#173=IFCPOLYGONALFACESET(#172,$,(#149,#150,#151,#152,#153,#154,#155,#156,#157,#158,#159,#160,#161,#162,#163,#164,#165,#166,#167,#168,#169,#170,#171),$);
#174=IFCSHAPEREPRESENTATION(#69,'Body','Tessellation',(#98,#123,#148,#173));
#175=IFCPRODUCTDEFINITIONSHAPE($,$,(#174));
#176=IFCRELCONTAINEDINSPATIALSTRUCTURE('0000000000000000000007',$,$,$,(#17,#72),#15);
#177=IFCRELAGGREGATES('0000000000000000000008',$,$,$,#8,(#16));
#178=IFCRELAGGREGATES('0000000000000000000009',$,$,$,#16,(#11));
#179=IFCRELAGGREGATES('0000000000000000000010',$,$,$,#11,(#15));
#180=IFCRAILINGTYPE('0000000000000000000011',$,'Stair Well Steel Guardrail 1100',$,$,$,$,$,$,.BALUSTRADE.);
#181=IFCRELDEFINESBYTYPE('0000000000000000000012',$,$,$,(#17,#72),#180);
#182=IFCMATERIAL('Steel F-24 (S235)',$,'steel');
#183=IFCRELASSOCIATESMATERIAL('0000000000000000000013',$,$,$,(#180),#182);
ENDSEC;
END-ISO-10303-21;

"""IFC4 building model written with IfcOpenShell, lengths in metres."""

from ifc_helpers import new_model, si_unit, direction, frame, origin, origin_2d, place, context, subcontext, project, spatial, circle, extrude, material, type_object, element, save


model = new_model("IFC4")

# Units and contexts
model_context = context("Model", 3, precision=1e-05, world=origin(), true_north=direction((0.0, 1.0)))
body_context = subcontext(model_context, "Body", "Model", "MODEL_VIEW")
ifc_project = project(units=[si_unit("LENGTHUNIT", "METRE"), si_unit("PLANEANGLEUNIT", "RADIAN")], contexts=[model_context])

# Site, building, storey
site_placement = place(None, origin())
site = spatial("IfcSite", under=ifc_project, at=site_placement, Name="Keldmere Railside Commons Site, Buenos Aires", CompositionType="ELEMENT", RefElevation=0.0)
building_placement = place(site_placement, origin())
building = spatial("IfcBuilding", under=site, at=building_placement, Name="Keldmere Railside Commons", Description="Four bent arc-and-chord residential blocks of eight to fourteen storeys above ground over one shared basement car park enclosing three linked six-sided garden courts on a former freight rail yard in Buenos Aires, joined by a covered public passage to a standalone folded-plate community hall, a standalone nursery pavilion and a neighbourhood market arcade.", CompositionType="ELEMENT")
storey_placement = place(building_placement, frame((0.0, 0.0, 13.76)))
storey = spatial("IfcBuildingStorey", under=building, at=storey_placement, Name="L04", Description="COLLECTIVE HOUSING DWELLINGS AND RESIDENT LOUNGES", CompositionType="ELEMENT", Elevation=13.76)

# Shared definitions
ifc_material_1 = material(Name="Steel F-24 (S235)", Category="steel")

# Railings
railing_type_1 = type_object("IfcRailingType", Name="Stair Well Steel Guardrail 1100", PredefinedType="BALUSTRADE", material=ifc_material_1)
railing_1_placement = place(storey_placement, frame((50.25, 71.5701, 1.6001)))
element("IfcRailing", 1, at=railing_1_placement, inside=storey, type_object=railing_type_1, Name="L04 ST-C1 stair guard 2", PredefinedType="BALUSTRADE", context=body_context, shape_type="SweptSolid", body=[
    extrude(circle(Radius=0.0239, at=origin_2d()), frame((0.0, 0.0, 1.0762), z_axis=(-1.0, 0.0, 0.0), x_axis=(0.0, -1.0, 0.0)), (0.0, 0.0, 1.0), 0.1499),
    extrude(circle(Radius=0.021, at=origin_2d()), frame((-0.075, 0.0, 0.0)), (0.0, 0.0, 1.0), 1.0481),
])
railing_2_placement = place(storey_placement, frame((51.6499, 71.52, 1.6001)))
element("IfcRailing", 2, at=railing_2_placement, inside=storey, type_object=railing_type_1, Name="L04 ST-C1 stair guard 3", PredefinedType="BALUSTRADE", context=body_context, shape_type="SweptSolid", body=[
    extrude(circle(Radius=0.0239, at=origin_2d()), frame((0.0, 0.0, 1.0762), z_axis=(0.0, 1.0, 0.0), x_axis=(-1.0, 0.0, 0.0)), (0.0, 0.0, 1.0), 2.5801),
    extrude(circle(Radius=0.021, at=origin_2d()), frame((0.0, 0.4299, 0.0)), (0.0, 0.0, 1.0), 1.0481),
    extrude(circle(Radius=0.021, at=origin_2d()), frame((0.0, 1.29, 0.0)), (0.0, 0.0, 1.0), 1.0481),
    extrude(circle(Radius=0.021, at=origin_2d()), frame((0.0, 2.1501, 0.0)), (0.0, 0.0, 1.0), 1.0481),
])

• Exercise aim:
Wherever the string "Guardrail" appears in the entries above, return the line it appears on.

• Task solution:
#180=IFCRAILINGTYPE('0000000000000000000011',$,'Stair Well Steel Guardrail 1100',$,$,$,$,$,$,.BALUSTRADE.);
railing_type_1 = type_object("IfcRailingType", Name="Stair Well Steel Guardrail 1100", PredefinedType="BALUSTRADE", material=ifc_material_1)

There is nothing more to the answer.